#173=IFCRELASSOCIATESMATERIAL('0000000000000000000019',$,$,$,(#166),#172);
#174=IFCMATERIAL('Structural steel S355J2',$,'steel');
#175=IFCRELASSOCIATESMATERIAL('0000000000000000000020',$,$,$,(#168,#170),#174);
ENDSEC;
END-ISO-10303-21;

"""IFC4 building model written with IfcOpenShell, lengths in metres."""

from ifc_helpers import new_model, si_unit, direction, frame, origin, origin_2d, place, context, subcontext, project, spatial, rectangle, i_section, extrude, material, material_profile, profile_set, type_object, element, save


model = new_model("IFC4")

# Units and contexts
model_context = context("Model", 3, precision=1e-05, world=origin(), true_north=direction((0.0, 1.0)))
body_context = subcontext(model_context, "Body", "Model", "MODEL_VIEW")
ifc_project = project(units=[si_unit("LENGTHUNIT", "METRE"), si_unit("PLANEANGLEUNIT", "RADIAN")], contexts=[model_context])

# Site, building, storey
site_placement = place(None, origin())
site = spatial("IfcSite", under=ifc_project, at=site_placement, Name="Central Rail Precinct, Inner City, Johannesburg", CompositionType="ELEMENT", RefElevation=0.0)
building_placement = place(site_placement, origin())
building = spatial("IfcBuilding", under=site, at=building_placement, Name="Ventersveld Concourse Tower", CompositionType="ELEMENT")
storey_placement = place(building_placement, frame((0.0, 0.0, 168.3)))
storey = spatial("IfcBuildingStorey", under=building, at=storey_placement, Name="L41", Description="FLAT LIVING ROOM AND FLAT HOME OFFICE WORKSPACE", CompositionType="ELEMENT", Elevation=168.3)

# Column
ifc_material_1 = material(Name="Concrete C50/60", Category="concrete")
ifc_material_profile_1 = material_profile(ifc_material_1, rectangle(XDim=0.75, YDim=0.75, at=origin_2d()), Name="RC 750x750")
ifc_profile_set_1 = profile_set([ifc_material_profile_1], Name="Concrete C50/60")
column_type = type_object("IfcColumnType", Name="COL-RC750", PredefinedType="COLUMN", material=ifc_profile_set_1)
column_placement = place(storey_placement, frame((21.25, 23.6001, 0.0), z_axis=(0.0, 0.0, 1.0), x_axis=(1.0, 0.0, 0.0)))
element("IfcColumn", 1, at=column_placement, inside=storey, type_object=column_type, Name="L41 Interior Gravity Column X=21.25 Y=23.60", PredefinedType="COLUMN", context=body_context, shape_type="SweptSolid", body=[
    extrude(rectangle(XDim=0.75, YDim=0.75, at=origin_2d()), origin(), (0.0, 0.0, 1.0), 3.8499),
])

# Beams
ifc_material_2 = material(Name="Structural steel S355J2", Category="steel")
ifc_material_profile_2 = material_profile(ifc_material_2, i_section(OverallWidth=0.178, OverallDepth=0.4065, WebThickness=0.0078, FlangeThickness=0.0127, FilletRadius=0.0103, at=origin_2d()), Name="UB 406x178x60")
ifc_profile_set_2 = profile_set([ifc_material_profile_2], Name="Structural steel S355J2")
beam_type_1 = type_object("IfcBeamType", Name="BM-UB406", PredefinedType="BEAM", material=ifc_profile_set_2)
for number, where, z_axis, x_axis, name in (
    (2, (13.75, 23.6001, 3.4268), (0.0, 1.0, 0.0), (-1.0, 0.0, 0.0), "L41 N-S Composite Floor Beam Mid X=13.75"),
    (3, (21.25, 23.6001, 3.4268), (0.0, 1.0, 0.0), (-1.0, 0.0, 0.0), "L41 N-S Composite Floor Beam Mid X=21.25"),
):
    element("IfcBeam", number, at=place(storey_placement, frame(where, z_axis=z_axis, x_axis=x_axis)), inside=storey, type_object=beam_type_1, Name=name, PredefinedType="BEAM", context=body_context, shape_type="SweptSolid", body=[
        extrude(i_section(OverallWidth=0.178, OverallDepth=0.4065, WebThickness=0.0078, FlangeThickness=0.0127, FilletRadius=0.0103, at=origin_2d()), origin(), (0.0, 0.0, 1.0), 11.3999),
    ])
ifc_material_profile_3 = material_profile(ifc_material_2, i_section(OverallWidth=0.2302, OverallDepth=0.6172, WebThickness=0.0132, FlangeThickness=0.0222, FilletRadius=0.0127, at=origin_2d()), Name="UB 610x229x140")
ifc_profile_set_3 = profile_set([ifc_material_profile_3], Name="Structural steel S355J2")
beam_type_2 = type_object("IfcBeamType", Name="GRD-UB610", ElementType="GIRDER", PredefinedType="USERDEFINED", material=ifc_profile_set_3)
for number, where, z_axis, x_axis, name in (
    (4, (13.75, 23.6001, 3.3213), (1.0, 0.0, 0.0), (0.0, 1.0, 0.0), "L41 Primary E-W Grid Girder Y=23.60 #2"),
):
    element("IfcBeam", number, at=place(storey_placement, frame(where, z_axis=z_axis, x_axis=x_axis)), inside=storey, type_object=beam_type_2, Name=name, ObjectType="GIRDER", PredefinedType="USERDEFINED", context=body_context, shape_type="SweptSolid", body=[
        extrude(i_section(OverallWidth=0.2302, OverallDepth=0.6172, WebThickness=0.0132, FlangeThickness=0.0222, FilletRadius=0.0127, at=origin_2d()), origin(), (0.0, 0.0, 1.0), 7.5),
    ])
┄┄┄┄┄┄┄┄┄┄┄┄┄┄┄┄┄┄┄┄
■ Task requirements ■
Reproduce, word for word and in full, only the lines above that start at the line with "Rail Precinct, Inner" and run through the line with "x_axis=(1.0, 0.0, 0.0)))", both ends included.

■ Exercise output ■
site = spatial("IfcSite", under=ifc_project, at=site_placement, Name="Central Rail Precinct, Inner City, Johannesburg", CompositionType="ELEMENT", RefElevation=0.0)
building_placement = place(site_placement, origin())
building = spatial("IfcBuilding", under=site, at=building_placement, Name="Ventersveld Concourse Tower", CompositionType="ELEMENT")
storey_placement = place(building_placement, frame((0.0, 0.0, 168.3)))
storey = spatial("IfcBuildingStorey", under=building, at=storey_placement, Name="L41", Description="FLAT LIVING ROOM AND FLAT HOME OFFICE WORKSPACE", CompositionType="ELEMENT", Elevation=168.3)

# Column
ifc_material_1 = material(Name="Concrete C50/60", Category="concrete")
ifc_material_profile_1 = material_profile(ifc_material_1, rectangle(XDim=0.75, YDim=0.75, at=origin_2d()), Name="RC 750x750")
ifc_profile_set_1 = profile_set([ifc_material_profile_1], Name="Concrete C50/60")
column_type = type_object("IfcColumnType", Name="COL-RC750", PredefinedType="COLUMN", material=ifc_profile_set_1)
column_placement = place(storey_placement, frame((21.25, 23.6001, 0.0), z_axis=(0.0, 0.0, 1.0), x_axis=(1.0, 0.0, 0.0)))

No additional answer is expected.